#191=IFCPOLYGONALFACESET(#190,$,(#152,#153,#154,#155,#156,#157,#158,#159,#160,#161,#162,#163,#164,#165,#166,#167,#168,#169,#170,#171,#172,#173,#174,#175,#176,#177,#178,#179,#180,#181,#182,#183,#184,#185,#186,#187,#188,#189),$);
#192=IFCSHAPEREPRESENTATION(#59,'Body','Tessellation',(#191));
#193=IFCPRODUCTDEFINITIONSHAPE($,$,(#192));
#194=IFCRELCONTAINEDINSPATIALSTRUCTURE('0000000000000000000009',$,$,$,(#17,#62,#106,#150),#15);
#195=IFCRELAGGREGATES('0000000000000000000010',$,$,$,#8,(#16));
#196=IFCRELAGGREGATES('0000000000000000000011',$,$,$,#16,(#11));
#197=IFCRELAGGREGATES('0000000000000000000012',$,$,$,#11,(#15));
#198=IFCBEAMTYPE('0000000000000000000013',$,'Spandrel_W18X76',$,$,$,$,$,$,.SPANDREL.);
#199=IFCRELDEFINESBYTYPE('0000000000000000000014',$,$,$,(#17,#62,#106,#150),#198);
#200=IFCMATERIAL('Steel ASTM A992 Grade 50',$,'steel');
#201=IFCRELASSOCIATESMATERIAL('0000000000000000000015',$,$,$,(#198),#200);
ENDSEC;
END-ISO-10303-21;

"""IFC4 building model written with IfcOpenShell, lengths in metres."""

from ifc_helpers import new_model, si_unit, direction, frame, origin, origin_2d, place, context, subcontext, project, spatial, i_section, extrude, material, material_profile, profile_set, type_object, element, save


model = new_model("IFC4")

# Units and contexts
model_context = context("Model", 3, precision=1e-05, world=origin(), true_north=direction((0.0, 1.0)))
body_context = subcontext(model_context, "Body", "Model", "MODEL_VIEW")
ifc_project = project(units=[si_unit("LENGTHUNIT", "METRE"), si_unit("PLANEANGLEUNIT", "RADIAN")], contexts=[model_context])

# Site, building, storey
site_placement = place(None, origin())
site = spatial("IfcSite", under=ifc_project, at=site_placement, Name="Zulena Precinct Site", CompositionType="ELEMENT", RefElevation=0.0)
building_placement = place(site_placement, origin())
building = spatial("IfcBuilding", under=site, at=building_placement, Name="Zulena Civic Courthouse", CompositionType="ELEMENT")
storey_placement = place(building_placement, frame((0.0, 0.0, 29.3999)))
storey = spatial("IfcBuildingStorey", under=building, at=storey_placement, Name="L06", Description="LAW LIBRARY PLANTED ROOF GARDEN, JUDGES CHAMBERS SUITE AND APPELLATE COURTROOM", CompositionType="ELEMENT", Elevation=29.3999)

══════════

--- Task directions ---
Take the line above containing "building model written", the line containing "frame((0.0, 0.0, 29.3999)))", and all lines in between, and copy them exactly without anything else.

--- Task output ---
"""IFC4 building model written with IfcOpenShell, lengths in metres."""

from ifc_helpers import new_model, si_unit, direction, frame, origin, origin_2d, place, context, subcontext, project, spatial, i_section, extrude, material, material_profile, profile_set, type_object, element, save


model = new_model("IFC4")

# Units and contexts
model_context = context("Model", 3, precision=1e-05, world=origin(), true_north=direction((0.0, 1.0)))
body_context = subcontext(model_context, "Body", "Model", "MODEL_VIEW")
ifc_project = project(units=[si_unit("LENGTHUNIT", "METRE"), si_unit("PLANEANGLEUNIT", "RADIAN")], contexts=[model_context])

# Site, building, storey
site_placement = place(None, origin())
site = spatial("IfcSite", under=ifc_project, at=site_placement, Name="Zulena Precinct Site", CompositionType="ELEMENT", RefElevation=0.0)
building_placement = place(site_placement, origin())
building = spatial("IfcBuilding", under=site, at=building_placement, Name="Zulena Civic Courthouse", CompositionType="ELEMENT")
storey_placement = place(building_placement, frame((0.0, 0.0, 29.3999)))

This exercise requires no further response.